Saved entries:
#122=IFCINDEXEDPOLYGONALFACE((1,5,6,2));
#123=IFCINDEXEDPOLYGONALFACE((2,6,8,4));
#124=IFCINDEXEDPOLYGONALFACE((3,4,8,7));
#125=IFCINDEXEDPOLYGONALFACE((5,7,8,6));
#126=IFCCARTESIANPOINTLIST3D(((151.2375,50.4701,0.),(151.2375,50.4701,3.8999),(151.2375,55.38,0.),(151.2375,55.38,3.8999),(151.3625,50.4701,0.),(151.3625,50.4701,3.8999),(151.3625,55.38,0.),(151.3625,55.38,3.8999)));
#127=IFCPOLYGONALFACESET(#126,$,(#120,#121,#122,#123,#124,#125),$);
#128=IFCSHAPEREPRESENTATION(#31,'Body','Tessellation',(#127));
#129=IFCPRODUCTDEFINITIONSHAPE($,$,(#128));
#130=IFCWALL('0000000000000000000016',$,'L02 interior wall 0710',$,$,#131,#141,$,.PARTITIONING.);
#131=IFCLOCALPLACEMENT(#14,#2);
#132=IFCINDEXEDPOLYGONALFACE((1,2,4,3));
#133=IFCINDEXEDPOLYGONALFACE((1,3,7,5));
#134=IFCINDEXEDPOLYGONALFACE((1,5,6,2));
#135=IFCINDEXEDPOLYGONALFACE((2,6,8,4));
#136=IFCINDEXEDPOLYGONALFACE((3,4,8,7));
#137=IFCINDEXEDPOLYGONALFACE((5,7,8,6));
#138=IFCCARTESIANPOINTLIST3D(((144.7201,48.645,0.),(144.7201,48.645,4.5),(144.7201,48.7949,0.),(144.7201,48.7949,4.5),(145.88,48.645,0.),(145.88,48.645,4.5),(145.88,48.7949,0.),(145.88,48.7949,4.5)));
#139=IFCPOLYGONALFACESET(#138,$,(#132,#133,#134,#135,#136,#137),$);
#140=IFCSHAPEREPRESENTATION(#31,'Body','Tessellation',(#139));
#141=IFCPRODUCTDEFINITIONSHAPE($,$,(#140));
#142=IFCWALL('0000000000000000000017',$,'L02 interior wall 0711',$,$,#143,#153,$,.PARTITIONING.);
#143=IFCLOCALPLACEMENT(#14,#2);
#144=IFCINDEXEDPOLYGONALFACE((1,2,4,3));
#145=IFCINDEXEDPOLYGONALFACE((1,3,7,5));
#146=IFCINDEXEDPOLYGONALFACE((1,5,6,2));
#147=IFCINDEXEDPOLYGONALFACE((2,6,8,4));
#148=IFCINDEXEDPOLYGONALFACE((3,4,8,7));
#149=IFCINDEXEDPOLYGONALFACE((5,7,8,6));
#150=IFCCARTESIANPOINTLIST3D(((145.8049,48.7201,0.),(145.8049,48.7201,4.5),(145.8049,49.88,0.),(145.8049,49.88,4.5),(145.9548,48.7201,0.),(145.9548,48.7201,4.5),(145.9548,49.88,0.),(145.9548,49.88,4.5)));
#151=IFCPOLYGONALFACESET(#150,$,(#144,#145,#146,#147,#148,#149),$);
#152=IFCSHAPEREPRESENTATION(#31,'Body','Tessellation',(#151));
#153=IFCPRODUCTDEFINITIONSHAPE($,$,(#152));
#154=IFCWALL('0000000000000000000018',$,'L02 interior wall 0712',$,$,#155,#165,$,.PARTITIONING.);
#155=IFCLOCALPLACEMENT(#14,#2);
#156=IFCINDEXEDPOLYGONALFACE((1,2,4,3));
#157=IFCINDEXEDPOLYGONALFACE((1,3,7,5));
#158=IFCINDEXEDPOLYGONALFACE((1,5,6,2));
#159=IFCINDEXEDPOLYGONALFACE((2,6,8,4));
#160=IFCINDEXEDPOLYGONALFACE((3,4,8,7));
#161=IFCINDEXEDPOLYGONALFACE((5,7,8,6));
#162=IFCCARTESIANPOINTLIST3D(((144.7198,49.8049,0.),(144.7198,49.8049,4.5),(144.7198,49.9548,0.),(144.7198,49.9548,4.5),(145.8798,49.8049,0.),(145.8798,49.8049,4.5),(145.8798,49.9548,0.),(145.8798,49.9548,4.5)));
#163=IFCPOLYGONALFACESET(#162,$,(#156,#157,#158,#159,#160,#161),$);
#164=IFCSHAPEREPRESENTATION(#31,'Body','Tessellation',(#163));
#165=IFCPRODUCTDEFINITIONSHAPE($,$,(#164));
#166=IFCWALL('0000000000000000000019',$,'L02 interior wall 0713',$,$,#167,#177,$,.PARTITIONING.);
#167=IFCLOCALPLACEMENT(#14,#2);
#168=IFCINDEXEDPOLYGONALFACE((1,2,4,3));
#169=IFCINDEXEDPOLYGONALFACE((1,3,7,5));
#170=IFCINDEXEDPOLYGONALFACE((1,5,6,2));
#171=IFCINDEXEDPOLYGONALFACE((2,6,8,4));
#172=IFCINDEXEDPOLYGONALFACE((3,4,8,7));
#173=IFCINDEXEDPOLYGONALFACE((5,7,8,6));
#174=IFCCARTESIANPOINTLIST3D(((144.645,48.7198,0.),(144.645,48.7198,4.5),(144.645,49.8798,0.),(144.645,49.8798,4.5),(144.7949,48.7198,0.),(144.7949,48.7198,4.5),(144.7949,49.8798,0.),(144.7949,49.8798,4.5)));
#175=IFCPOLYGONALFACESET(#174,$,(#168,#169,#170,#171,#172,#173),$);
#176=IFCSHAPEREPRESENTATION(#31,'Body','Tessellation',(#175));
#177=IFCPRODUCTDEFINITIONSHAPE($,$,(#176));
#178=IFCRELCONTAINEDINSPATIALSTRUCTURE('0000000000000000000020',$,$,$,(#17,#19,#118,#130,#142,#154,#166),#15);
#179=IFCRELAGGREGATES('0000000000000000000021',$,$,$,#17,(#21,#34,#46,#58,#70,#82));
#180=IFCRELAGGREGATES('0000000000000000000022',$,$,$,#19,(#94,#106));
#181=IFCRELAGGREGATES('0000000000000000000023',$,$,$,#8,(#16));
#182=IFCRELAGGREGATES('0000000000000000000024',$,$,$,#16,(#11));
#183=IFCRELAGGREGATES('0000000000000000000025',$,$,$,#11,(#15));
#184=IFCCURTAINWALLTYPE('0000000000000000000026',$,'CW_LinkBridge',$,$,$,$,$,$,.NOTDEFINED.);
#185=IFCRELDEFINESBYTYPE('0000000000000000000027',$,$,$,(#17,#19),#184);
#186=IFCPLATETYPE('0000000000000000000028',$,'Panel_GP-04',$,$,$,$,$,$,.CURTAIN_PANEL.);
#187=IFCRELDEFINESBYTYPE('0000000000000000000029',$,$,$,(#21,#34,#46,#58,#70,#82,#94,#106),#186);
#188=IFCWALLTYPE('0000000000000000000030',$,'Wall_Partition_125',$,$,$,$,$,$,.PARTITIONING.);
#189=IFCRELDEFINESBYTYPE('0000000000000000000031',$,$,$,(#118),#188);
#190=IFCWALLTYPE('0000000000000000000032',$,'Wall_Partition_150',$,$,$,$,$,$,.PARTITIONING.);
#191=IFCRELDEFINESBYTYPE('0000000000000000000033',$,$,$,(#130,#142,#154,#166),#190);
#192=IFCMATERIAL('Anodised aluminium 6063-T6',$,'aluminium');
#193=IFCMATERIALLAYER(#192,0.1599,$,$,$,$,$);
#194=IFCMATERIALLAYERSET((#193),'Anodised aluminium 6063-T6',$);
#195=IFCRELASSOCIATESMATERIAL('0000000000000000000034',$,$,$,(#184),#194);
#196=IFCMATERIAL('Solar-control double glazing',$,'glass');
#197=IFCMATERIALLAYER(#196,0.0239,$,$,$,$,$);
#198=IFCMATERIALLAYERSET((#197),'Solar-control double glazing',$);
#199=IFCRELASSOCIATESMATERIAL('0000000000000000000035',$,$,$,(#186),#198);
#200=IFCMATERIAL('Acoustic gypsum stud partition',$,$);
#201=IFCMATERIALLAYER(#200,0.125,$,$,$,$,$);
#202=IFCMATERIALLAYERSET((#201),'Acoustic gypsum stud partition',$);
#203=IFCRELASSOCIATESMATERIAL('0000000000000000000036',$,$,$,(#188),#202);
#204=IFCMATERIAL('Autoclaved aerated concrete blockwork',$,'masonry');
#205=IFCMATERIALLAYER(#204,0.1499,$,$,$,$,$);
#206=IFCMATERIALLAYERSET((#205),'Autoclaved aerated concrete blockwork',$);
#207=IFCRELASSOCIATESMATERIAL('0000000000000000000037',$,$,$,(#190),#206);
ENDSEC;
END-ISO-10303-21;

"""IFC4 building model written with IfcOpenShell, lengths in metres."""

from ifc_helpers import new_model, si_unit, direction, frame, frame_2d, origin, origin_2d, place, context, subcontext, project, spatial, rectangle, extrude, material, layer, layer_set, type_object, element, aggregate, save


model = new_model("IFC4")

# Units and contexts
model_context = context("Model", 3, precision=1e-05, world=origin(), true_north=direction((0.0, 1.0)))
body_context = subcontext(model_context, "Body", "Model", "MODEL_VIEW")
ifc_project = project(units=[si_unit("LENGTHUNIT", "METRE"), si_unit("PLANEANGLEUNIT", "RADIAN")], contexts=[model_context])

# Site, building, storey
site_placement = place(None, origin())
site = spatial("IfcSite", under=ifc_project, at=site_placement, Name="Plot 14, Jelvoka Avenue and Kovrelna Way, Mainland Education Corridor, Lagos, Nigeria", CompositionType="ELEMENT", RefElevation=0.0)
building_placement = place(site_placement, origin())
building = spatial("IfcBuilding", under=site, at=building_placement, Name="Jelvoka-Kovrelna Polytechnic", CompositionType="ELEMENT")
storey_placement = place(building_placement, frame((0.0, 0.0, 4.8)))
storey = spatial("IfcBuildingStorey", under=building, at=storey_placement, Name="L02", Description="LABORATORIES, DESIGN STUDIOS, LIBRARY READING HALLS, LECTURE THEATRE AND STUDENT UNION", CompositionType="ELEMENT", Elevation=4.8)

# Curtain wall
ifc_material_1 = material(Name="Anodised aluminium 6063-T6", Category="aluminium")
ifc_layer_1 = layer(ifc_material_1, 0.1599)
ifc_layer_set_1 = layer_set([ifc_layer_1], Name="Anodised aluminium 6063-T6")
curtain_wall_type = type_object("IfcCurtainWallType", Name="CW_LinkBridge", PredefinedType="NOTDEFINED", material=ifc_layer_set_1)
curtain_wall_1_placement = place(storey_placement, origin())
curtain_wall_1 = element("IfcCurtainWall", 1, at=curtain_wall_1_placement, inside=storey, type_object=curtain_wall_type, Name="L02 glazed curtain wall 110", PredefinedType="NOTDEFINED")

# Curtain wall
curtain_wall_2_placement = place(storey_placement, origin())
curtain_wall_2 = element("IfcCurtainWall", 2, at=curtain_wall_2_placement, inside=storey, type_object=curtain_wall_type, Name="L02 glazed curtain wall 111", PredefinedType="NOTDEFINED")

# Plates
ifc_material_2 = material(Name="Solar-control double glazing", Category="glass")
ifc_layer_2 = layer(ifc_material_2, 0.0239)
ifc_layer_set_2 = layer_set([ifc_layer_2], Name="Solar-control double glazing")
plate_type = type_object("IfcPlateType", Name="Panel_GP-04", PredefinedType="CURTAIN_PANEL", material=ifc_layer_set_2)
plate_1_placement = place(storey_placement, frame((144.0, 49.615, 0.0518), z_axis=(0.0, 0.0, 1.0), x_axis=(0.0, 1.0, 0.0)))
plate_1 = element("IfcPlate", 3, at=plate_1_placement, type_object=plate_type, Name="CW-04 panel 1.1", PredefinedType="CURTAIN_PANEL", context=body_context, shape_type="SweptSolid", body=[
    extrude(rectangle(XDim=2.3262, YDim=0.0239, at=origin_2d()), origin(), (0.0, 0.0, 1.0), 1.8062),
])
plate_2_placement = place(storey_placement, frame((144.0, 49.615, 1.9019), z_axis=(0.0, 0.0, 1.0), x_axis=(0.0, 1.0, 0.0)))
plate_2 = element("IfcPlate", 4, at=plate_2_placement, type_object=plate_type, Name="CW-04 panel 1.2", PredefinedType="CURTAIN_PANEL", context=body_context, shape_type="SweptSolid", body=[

Task objective: Working from the entries above, filter out every line that lacks "aerated" and copy what remains.

Response area:
#204=IFCMATERIAL('Autoclaved aerated concrete blockwork',$,'masonry');
#206=IFCMATERIALLAYERSET((#205),'Autoclaved aerated concrete blockwork',$);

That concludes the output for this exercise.